Records contained in a dataset:
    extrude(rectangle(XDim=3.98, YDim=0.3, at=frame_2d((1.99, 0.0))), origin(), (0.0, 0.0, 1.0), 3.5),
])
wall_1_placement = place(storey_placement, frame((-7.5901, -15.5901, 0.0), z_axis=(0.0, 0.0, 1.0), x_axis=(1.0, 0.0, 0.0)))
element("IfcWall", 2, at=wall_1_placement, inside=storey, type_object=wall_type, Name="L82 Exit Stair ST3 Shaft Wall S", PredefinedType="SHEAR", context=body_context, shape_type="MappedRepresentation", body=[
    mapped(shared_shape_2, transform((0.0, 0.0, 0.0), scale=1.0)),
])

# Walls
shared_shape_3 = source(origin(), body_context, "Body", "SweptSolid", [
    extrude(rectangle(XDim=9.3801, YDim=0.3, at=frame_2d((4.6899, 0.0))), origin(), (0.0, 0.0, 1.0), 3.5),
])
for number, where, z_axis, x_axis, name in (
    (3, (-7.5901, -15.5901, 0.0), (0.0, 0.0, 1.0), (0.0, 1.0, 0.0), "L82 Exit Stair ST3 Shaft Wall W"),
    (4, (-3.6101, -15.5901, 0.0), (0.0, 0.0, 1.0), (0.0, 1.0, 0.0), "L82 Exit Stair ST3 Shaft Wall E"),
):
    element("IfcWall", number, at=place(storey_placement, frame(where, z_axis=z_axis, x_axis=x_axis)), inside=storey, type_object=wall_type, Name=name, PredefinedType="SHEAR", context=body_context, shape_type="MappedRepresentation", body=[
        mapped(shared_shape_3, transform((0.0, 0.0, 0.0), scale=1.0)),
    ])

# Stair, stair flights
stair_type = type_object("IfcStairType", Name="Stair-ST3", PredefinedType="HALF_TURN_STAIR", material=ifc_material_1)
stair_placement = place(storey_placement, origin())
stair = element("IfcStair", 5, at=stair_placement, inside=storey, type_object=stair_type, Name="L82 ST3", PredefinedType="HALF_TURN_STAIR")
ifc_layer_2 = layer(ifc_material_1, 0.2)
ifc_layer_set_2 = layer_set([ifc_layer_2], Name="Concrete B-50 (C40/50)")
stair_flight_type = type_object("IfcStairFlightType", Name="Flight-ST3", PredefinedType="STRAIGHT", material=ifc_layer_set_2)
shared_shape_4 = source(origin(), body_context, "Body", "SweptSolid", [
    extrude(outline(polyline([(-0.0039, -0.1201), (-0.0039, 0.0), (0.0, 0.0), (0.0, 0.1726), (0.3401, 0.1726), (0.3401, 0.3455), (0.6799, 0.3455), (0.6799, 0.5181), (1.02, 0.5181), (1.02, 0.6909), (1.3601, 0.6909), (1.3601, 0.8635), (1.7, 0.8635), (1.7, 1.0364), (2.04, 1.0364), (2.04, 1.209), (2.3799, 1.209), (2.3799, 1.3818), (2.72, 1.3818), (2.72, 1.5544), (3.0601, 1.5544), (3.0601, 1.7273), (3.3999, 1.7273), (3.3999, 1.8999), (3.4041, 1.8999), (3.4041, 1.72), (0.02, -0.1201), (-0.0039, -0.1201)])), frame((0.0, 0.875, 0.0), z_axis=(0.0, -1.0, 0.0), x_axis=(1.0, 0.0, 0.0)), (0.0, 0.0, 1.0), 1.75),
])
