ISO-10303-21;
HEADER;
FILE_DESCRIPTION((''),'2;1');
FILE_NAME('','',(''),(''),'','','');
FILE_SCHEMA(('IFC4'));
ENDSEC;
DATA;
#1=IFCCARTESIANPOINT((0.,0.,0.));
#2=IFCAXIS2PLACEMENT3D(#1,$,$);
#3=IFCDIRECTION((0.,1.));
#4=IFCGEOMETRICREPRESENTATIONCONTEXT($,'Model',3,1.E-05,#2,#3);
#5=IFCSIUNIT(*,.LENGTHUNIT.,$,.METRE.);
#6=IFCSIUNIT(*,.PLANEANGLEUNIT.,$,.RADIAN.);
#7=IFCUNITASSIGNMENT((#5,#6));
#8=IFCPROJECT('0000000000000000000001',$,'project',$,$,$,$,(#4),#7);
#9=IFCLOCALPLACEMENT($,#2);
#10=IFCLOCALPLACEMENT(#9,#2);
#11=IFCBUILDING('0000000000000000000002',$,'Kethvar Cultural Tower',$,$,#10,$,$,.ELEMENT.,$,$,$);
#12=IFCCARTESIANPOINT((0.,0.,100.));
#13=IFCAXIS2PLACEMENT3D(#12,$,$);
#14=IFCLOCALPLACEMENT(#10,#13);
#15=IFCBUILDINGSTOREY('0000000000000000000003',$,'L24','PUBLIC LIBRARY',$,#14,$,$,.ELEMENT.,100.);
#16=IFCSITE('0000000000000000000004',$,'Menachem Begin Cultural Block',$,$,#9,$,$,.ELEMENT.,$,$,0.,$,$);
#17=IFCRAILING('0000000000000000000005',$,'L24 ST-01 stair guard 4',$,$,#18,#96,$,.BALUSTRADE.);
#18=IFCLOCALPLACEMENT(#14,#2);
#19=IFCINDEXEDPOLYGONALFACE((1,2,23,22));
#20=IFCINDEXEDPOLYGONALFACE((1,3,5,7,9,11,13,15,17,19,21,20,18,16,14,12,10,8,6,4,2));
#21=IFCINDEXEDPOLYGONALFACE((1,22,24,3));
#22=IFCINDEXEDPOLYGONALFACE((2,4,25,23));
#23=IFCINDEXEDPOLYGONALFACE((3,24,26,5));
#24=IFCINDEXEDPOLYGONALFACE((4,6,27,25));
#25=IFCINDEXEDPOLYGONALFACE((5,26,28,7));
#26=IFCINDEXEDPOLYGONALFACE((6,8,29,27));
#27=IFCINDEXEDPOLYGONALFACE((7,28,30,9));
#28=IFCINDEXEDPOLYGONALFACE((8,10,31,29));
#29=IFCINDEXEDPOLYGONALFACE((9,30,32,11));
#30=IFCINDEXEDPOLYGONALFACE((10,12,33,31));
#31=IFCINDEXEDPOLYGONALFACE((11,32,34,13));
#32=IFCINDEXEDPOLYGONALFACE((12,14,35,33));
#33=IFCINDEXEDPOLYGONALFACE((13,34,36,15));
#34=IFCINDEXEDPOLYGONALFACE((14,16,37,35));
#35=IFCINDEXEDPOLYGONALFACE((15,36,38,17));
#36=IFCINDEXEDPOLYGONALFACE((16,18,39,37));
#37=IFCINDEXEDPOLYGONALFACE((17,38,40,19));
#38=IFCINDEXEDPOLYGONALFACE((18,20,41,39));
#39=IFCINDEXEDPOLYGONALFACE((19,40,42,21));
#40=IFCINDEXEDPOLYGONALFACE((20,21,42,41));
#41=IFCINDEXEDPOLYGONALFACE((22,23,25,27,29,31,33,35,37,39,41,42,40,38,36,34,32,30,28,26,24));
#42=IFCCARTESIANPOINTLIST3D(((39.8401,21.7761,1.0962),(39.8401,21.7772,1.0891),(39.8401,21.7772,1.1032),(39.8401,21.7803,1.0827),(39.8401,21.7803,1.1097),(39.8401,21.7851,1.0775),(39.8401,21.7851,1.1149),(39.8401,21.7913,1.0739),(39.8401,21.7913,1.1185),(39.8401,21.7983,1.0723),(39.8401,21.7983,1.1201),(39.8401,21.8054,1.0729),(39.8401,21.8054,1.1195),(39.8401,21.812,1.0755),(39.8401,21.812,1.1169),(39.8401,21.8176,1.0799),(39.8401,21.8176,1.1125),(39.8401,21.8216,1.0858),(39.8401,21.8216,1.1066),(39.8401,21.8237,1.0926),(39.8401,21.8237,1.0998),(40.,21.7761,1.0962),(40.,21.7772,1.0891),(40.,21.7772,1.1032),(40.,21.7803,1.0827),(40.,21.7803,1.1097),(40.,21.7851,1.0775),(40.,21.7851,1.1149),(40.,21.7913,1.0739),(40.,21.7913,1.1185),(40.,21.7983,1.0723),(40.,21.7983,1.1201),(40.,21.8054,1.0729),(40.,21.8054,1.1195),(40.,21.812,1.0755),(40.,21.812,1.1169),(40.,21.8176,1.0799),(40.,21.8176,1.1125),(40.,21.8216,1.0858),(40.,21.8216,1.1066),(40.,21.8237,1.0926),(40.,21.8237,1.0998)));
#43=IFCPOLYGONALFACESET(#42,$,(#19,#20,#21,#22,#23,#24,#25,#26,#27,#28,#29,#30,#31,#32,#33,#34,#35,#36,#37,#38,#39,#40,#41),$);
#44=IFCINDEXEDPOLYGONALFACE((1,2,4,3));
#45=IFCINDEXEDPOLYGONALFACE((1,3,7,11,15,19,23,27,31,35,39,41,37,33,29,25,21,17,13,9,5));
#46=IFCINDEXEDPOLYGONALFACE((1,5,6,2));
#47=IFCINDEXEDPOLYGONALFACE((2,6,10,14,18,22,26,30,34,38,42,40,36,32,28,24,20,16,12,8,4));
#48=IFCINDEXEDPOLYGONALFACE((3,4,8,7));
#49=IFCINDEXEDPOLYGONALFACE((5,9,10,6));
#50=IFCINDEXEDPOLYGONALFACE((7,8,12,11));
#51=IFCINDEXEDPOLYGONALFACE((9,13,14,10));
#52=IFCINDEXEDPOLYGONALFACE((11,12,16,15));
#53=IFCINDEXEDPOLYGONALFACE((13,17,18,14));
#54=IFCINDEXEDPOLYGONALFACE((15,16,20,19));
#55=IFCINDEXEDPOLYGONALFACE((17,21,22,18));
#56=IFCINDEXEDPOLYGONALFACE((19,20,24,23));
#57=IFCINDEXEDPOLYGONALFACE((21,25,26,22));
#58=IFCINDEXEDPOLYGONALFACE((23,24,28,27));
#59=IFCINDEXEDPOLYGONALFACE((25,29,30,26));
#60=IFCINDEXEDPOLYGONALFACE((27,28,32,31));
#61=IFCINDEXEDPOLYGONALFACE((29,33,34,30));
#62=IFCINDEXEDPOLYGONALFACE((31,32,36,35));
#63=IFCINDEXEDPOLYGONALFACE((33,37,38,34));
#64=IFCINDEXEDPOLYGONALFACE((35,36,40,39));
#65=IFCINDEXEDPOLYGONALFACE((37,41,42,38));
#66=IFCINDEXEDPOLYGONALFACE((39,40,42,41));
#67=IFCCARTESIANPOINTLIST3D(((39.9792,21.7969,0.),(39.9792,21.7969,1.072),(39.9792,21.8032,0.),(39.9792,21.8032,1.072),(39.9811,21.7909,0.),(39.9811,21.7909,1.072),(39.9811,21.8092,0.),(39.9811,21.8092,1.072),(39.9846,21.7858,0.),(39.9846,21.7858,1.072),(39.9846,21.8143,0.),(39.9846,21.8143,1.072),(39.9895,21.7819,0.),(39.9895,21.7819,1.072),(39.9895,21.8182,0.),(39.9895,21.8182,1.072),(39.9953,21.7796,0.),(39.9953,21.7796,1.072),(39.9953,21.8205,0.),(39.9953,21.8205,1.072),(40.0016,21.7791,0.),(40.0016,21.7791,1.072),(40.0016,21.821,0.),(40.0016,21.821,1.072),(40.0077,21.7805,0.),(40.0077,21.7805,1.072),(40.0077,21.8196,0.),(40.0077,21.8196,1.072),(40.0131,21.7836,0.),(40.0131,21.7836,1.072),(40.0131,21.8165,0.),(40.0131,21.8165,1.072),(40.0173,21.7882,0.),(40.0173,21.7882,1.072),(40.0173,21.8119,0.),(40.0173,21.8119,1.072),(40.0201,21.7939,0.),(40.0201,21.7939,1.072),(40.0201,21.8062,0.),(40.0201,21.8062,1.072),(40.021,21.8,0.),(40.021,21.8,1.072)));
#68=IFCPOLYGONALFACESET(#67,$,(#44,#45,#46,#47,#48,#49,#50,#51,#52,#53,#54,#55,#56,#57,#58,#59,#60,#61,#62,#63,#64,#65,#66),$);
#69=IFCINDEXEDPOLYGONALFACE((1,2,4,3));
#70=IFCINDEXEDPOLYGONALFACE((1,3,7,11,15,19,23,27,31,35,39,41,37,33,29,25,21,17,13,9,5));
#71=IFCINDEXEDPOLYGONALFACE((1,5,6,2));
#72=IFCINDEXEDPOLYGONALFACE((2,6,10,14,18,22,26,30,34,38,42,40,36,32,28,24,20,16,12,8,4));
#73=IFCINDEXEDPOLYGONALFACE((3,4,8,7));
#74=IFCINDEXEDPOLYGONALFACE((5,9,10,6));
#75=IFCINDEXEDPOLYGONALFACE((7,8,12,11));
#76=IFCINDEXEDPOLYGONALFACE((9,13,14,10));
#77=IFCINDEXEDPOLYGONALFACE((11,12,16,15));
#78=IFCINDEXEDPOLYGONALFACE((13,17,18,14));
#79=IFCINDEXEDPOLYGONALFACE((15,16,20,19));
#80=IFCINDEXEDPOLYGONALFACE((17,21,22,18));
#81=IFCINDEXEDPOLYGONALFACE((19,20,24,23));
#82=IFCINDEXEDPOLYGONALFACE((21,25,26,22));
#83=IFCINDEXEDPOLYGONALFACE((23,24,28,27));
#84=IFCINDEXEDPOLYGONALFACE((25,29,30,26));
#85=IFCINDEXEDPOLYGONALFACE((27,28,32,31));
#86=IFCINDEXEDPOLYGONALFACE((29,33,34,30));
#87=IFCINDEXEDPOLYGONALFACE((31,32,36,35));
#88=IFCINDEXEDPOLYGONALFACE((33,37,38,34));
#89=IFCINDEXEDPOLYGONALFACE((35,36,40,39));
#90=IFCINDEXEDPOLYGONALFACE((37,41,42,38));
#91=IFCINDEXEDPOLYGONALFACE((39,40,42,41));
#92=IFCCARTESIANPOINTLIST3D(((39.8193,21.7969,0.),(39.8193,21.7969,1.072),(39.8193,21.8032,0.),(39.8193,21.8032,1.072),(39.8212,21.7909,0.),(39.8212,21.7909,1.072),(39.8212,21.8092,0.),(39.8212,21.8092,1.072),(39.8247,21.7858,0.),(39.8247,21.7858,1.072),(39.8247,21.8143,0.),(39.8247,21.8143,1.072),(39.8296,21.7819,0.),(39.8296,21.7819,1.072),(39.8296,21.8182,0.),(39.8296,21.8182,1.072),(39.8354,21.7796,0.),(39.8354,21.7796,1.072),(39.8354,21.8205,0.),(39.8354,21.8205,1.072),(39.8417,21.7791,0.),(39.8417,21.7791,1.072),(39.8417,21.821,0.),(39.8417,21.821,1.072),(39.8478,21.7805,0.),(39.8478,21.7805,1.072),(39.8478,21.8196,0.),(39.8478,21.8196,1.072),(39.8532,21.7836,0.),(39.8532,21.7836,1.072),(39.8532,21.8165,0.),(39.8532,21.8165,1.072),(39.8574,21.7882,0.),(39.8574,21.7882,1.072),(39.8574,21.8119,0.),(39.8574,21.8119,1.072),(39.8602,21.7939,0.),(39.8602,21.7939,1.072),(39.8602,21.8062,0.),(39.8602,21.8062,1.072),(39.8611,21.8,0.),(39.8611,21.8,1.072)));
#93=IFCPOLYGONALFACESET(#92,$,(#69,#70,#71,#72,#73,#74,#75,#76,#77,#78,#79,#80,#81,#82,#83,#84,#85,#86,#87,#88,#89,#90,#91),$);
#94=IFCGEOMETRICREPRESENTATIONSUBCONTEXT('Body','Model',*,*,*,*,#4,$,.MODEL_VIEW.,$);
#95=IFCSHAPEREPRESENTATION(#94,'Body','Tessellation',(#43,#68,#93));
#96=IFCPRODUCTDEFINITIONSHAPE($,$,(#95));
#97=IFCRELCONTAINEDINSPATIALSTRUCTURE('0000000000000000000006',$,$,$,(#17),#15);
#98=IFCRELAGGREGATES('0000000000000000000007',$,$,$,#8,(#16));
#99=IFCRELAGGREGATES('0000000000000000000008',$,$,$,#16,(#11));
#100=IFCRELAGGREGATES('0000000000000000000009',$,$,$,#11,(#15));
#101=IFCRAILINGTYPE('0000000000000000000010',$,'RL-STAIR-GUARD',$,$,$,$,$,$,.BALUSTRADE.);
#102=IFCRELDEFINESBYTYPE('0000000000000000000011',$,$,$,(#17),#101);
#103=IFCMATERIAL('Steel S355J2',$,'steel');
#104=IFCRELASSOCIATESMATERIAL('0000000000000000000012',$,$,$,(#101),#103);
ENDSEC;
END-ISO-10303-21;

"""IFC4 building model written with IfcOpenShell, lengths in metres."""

from ifc_helpers import new_model, si_unit, direction, frame, origin, origin_2d, place, context, subcontext, project, spatial, circle, extrude, material, type_object, element, save


model = new_model("IFC4")

# Units and contexts
model_context = context("Model", 3, precision=1e-05, world=origin(), true_north=direction((0.0, 1.0)))
body_context = subcontext(model_context, "Body", "Model", "MODEL_VIEW")
ifc_project = project(units=[si_unit("LENGTHUNIT", "METRE"), si_unit("PLANEANGLEUNIT", "RADIAN")], contexts=[model_context])

# Site, building, storey
site_placement = place(None, origin())
site = spatial("IfcSite", under=ifc_project, at=site_placement, Name="Menachem Begin Cultural Block", CompositionType="ELEMENT", RefElevation=0.0)
building_placement = place(site_placement, origin())
building = spatial("IfcBuilding", under=site, at=building_placement, Name="Kethvar Cultural Tower", CompositionType="ELEMENT")
storey_placement = place(building_placement, frame((0.0, 0.0, 100.0)))
storey = spatial("IfcBuildingStorey", under=building, at=storey_placement, Name="L24", Description="PUBLIC LIBRARY", CompositionType="ELEMENT", Elevation=100.0)

# Shared definitions
ifc_material_1 = material(Name="Steel S355J2", Category="steel")

# Railing
railing_type_1 = type_object("IfcRailingType", Name="RL-STAIR-GUARD", PredefinedType="BALUSTRADE", material=ifc_material_1)
railing_1_placement = place(storey_placement, frame((40.0, 21.8, 0.0)))
element("IfcRailing", 1, at=railing_1_placement, inside=storey, type_object=railing_type_1, Name="L24 ST-01 stair guard 4", PredefinedType="BALUSTRADE", context=body_context, shape_type="SweptSolid", body=[
    extrude(circle(Radius=0.0239, at=origin_2d()), frame((0.0, 0.0, 1.0962), z_axis=(-1.0, 0.0, 0.0), x_axis=(0.0, -1.0, 0.0)), (0.0, 0.0, 1.0), 0.1599),
    extrude(circle(Radius=0.021, at=origin_2d()), origin(), (0.0, 0.0, 1.0), 1.072),
    extrude(circle(Radius=0.021, at=origin_2d()), frame((-0.1599, 0.0, 0.0)), (0.0, 0.0, 1.0), 1.072),
])

save(model, "model.ifc")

## [Activity]
An exact, complete copy of the lines above from the one with "#18=IFCLOCALPLACEMENT(#14,#2);" through the one with "#33=IFCINDEXEDPOLYGONALFACE((13,34,36,15));" is the whole answer.

## [Final answer]
#18=IFCLOCALPLACEMENT(#14,#2);
#19=IFCINDEXEDPOLYGONALFACE((1,2,23,22));
#20=IFCINDEXEDPOLYGONALFACE((1,3,5,7,9,11,13,15,17,19,21,20,18,16,14,12,10,8,6,4,2));
#21=IFCINDEXEDPOLYGONALFACE((1,22,24,3));
#22=IFCINDEXEDPOLYGONALFACE((2,4,25,23));
#23=IFCINDEXEDPOLYGONALFACE((3,24,26,5));
#24=IFCINDEXEDPOLYGONALFACE((4,6,27,25));
#25=IFCINDEXEDPOLYGONALFACE((5,26,28,7));
#26=IFCINDEXEDPOLYGONALFACE((6,8,29,27));
#27=IFCINDEXEDPOLYGONALFACE((7,28,30,9));
#28=IFCINDEXEDPOLYGONALFACE((8,10,31,29));
#29=IFCINDEXEDPOLYGONALFACE((9,30,32,11));
#30=IFCINDEXEDPOLYGONALFACE((10,12,33,31));
#31=IFCINDEXEDPOLYGONALFACE((11,32,34,13));
#32=IFCINDEXEDPOLYGONALFACE((12,14,35,33));
#33=IFCINDEXEDPOLYGONALFACE((13,34,36,15));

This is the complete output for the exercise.